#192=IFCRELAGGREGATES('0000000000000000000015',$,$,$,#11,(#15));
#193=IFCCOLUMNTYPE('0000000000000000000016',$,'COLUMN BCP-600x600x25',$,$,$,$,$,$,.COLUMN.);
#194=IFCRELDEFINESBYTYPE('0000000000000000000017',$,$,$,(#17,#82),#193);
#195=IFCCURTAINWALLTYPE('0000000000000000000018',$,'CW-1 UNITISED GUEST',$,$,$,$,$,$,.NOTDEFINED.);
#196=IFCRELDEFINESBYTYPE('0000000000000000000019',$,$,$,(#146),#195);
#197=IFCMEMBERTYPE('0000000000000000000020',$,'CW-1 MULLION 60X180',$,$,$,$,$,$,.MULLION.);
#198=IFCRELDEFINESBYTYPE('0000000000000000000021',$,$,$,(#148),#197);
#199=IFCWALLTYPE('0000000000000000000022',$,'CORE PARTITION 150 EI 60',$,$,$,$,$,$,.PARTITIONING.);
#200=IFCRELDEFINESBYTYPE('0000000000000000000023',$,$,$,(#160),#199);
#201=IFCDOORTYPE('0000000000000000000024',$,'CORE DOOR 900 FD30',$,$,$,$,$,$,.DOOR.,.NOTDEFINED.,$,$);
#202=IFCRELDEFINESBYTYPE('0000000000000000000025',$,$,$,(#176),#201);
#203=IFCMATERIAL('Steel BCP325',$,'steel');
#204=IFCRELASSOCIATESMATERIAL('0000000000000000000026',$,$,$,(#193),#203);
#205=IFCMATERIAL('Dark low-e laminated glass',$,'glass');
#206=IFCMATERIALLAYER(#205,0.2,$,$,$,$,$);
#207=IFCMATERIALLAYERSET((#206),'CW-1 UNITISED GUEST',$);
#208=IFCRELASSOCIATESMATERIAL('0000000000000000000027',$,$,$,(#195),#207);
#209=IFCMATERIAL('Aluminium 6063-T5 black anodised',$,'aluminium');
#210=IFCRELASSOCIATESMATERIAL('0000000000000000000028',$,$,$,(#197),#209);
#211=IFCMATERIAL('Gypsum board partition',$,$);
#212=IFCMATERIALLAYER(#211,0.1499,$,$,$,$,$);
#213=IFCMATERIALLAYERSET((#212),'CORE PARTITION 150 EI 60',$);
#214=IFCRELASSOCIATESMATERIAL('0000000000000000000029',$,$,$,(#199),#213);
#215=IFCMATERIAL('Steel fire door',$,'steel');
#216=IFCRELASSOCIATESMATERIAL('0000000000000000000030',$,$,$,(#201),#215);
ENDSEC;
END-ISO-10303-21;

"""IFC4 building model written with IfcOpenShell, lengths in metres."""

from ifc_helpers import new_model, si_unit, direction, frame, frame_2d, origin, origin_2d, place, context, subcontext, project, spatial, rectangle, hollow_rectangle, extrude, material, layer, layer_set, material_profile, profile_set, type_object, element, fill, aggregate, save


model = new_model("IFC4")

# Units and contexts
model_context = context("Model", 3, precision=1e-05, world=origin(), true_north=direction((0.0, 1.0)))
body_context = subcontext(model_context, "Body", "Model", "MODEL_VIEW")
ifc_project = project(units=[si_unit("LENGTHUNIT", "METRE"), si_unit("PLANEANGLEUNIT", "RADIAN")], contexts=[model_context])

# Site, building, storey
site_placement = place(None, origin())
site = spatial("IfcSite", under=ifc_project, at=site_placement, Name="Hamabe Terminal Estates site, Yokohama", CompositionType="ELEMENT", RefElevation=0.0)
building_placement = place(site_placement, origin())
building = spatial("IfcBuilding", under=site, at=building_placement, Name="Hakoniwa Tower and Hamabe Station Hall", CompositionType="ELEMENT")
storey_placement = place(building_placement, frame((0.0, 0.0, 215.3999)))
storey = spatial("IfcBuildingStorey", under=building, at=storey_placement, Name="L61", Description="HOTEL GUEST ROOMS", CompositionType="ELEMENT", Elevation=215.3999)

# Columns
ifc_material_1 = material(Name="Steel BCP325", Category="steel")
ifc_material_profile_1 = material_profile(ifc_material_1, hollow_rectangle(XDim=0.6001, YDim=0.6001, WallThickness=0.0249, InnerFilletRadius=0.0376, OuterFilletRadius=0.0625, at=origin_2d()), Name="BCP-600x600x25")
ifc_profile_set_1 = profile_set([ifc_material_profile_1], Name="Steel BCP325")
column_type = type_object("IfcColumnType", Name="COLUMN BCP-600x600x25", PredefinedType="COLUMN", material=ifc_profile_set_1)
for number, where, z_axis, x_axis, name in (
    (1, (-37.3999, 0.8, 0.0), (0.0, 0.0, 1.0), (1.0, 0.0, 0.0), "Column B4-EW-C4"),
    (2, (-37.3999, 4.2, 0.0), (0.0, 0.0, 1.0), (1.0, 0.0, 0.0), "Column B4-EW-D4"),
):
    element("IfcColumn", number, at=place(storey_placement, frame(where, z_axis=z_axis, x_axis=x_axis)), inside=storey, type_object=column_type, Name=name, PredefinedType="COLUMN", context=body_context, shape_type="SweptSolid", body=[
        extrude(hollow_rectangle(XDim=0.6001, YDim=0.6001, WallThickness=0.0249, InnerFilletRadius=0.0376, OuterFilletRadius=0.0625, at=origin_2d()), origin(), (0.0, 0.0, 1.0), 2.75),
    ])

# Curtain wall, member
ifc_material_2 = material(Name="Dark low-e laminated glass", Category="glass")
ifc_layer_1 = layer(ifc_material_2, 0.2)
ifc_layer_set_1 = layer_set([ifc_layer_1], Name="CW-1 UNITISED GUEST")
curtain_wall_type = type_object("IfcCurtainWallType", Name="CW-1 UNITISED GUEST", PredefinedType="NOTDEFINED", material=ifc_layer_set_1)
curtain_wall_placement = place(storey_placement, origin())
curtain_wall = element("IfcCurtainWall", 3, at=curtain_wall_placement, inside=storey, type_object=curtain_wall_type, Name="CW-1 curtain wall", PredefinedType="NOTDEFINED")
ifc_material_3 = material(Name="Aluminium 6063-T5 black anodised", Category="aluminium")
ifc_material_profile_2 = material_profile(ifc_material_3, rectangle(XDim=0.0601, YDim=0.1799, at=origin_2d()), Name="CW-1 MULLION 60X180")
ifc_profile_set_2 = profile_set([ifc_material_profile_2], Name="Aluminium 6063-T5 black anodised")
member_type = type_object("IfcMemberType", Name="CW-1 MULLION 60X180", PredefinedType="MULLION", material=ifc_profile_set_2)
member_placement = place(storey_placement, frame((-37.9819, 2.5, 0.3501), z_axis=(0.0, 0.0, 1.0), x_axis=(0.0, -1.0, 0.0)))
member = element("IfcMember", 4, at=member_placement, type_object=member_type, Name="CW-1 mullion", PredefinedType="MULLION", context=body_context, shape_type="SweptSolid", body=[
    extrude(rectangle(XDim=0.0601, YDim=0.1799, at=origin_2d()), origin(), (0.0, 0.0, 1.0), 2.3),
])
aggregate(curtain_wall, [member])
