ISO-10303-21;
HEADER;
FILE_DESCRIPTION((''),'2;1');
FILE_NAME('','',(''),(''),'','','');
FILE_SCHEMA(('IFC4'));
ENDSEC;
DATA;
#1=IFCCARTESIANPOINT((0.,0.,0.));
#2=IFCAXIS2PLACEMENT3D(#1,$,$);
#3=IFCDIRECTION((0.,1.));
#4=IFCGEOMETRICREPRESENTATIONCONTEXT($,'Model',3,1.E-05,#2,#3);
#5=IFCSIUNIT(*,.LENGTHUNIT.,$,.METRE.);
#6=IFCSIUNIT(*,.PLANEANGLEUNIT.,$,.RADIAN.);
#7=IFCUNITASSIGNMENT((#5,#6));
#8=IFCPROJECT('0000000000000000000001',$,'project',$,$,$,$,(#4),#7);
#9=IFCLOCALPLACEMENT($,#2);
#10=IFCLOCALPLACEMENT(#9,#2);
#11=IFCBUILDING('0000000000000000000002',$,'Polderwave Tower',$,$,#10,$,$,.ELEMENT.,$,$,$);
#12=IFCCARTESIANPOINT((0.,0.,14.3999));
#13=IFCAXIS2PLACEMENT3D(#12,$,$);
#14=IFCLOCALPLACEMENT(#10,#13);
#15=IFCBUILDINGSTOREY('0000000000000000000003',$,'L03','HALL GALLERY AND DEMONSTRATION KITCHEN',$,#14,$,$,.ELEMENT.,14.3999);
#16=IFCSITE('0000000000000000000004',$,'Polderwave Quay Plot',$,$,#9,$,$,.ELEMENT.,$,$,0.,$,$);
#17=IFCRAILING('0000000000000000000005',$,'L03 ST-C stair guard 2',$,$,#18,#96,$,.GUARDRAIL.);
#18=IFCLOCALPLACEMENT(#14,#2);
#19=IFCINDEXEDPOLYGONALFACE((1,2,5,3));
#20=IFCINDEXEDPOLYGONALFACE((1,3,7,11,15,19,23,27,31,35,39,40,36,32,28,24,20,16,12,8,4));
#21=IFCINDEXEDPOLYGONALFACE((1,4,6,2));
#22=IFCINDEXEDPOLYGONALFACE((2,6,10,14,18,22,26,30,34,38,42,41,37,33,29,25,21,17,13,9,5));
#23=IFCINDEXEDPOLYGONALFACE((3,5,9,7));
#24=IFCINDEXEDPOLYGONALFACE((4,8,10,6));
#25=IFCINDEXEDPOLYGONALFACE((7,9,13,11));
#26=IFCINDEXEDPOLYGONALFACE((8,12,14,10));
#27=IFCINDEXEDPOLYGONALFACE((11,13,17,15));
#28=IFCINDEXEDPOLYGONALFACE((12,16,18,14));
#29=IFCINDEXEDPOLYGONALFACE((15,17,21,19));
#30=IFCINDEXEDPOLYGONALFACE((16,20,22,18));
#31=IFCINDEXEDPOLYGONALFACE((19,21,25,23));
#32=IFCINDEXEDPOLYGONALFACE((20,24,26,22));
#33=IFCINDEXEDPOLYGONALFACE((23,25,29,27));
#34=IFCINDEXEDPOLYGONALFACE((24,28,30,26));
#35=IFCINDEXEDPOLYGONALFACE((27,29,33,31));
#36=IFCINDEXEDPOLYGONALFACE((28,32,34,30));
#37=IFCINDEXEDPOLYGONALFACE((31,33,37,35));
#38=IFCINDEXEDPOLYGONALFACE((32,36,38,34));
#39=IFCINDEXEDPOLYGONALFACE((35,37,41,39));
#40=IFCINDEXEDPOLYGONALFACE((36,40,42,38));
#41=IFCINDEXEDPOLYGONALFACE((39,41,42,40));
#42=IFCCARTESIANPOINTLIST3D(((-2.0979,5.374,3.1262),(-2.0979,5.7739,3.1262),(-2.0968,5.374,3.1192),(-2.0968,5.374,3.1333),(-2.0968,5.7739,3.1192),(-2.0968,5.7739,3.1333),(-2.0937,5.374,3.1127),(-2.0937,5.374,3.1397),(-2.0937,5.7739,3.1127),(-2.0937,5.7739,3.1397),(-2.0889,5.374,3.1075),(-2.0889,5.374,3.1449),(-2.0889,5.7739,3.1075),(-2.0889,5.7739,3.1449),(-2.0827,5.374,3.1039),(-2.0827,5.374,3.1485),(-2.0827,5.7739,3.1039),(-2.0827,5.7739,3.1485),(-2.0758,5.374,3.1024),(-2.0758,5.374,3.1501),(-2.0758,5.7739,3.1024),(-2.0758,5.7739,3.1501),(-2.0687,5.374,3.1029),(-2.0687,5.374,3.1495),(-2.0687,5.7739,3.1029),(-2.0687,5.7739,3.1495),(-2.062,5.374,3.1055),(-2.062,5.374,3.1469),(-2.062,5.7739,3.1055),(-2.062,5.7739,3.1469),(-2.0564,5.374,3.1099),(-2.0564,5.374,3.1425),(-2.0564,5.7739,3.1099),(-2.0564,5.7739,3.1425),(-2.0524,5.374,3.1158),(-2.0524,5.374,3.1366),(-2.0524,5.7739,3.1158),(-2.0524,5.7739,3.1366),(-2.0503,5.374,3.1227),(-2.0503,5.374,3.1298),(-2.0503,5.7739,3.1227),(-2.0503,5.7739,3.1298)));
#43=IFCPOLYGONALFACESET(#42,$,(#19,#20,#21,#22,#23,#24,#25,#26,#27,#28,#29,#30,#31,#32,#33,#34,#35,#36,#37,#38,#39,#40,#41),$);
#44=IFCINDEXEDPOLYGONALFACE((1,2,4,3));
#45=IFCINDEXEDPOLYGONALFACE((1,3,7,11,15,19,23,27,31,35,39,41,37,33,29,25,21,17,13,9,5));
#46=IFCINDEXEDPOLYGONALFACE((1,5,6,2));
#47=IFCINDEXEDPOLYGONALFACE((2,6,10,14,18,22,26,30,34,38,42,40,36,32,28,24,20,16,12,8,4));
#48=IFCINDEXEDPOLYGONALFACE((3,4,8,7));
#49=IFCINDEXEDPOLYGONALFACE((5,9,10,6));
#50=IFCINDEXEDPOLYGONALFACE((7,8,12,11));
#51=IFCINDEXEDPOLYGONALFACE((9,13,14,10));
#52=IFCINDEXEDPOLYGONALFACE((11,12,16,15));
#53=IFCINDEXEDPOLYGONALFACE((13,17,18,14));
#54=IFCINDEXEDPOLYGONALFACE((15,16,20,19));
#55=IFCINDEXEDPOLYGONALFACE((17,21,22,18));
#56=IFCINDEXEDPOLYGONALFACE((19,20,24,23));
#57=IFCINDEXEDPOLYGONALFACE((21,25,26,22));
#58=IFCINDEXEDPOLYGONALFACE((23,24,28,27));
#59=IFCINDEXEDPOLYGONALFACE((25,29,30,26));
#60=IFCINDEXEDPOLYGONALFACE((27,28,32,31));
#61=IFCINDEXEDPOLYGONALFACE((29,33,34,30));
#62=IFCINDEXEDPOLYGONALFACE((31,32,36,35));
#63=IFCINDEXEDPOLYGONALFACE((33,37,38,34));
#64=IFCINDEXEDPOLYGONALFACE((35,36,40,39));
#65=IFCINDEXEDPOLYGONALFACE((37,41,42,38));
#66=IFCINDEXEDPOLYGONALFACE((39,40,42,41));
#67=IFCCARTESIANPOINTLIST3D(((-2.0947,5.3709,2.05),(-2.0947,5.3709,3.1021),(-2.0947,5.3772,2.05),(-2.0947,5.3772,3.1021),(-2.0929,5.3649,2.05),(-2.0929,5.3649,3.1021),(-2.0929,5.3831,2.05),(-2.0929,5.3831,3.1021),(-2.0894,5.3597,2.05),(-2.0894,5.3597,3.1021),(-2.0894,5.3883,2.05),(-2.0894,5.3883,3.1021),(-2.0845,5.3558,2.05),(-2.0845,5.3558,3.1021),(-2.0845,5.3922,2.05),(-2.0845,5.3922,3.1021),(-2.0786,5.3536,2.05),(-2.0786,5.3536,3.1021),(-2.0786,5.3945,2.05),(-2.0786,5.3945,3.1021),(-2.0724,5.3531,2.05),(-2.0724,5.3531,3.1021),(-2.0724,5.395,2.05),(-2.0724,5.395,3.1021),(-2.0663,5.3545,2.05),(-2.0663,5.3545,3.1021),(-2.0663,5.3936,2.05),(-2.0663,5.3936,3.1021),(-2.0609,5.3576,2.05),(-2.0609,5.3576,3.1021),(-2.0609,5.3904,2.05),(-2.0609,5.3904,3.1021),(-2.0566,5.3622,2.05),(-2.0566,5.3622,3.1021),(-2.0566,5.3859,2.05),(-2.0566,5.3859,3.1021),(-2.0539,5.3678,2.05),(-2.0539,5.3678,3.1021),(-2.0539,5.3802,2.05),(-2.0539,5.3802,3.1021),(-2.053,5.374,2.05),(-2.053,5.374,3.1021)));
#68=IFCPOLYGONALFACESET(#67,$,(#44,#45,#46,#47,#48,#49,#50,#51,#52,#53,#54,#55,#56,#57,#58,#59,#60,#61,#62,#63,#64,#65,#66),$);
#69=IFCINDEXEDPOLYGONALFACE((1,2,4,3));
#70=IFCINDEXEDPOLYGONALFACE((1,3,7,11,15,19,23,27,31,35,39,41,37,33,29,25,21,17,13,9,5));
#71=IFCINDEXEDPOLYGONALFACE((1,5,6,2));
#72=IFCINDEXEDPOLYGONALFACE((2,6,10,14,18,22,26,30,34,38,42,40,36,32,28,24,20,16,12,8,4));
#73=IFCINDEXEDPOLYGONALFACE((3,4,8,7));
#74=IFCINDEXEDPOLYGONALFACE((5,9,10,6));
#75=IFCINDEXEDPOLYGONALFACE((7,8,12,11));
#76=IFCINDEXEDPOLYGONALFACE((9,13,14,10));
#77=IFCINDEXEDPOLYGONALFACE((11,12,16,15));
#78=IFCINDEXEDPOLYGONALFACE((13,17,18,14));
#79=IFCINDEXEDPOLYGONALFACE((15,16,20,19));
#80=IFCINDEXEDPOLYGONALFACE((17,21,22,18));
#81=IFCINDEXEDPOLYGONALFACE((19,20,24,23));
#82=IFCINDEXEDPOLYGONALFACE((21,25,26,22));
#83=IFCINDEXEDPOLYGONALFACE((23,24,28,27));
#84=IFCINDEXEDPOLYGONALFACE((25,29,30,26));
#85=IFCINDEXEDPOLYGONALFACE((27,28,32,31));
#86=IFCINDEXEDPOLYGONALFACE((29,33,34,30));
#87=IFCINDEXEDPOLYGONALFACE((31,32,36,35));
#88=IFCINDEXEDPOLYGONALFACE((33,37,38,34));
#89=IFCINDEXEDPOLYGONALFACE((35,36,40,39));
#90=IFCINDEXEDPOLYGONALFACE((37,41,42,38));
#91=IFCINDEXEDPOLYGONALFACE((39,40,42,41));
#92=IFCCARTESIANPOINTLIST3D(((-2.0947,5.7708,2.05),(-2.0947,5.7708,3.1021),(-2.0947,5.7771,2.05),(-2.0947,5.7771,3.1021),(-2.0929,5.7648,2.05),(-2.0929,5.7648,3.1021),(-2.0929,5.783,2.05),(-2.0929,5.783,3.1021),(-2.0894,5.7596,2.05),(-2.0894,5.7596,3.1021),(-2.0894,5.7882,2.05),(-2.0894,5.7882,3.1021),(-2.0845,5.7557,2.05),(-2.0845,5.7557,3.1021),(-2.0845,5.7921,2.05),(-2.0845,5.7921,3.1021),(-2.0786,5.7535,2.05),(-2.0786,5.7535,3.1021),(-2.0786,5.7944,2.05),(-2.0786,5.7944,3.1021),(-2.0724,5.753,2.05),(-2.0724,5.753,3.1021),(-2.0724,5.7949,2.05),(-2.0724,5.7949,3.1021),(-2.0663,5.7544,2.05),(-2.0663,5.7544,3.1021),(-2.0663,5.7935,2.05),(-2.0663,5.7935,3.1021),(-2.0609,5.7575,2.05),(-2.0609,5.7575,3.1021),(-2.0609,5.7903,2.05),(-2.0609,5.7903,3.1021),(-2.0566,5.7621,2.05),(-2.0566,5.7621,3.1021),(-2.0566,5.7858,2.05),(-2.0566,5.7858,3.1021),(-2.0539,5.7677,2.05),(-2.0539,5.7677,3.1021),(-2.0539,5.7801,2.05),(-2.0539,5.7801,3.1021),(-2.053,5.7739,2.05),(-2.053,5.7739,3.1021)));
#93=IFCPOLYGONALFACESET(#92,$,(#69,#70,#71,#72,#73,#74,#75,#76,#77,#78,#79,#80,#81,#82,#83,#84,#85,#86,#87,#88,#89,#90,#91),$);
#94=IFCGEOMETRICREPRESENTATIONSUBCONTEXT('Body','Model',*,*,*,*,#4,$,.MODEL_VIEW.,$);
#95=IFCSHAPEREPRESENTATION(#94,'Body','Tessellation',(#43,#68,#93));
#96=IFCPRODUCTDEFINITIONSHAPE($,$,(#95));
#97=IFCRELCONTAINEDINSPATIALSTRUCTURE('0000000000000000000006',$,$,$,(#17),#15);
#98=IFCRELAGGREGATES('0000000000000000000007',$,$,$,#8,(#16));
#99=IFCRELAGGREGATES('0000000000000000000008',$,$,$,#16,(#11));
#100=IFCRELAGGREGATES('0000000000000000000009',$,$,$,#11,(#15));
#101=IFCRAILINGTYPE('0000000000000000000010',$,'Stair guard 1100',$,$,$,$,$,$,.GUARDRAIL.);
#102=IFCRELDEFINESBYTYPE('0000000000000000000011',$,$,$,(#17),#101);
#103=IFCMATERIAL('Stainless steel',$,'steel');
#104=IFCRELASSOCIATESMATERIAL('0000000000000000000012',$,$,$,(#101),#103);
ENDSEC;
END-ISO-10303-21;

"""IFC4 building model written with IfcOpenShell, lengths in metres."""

from ifc_helpers import new_model, si_unit, direction, frame, origin, origin_2d, place, context, subcontext, project, spatial, circle, extrude, material, type_object, element, save


model = new_model("IFC4")

# Units and contexts
model_context = context("Model", 3, precision=1e-05, world=origin(), true_north=direction((0.0, 1.0)))
body_context = subcontext(model_context, "Body", "Model", "MODEL_VIEW")
ifc_project = project(units=[si_unit("LENGTHUNIT", "METRE"), si_unit("PLANEANGLEUNIT", "RADIAN")], contexts=[model_context])

# Site, building, storey
site_placement = place(None, origin())
site = spatial("IfcSite", under=ifc_project, at=site_placement, Name="Polderwave Quay Plot", CompositionType="ELEMENT", RefElevation=0.0)
building_placement = place(site_placement, origin())
building = spatial("IfcBuilding", under=site, at=building_placement, Name="Polderwave Tower", CompositionType="ELEMENT")
storey_placement = place(building_placement, frame((0.0, 0.0, 14.3999)))
storey = spatial("IfcBuildingStorey", under=building, at=storey_placement, Name="L03", Description="HALL GALLERY AND DEMONSTRATION KITCHEN", CompositionType="ELEMENT", Elevation=14.3999)

# Railing
ifc_material_1 = material(Name="Stainless steel", Category="steel")
railing_type_1 = type_object("IfcRailingType", Name="Stair guard 1100", PredefinedType="GUARDRAIL", material=ifc_material_1)
railing_1_placement = place(storey_placement, frame((-2.074, 5.374, 2.05)))
element("IfcRailing", 1, at=railing_1_placement, inside=storey, type_object=railing_type_1, Name="L03 ST-C stair guard 2", PredefinedType="GUARDRAIL", context=body_context, shape_type="SweptSolid", body=[
    extrude(circle(Radius=0.0239, at=origin_2d()), frame((0.0, 0.0, 1.0762), z_axis=(0.0, 1.0, 0.0), x_axis=(-1.0, 0.0, 0.0)), (0.0, 0.0, 1.0), 0.3999),
    extrude(circle(Radius=0.021, at=origin_2d()), origin(), (0.0, 0.0, 1.0), 1.052),
    extrude(circle(Radius=0.021, at=origin_2d()), frame((0.0, 0.3999, 0.0)), (0.0, 0.0, 1.0), 1.052),
])

save(model, "model.ifc")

------------------------------------------------

- _Instructions for the task_
Only the lines above that hold "IFCMATERIALLAYERSET" are wanted. Show every one of them.

- _Reply_
#207=IFCMATERIALLAYERSET((#206),'CW-1 UNITISED GUEST',$);
#213=IFCMATERIALLAYERSET((#212),'CORE PARTITION 150 EI 60',$);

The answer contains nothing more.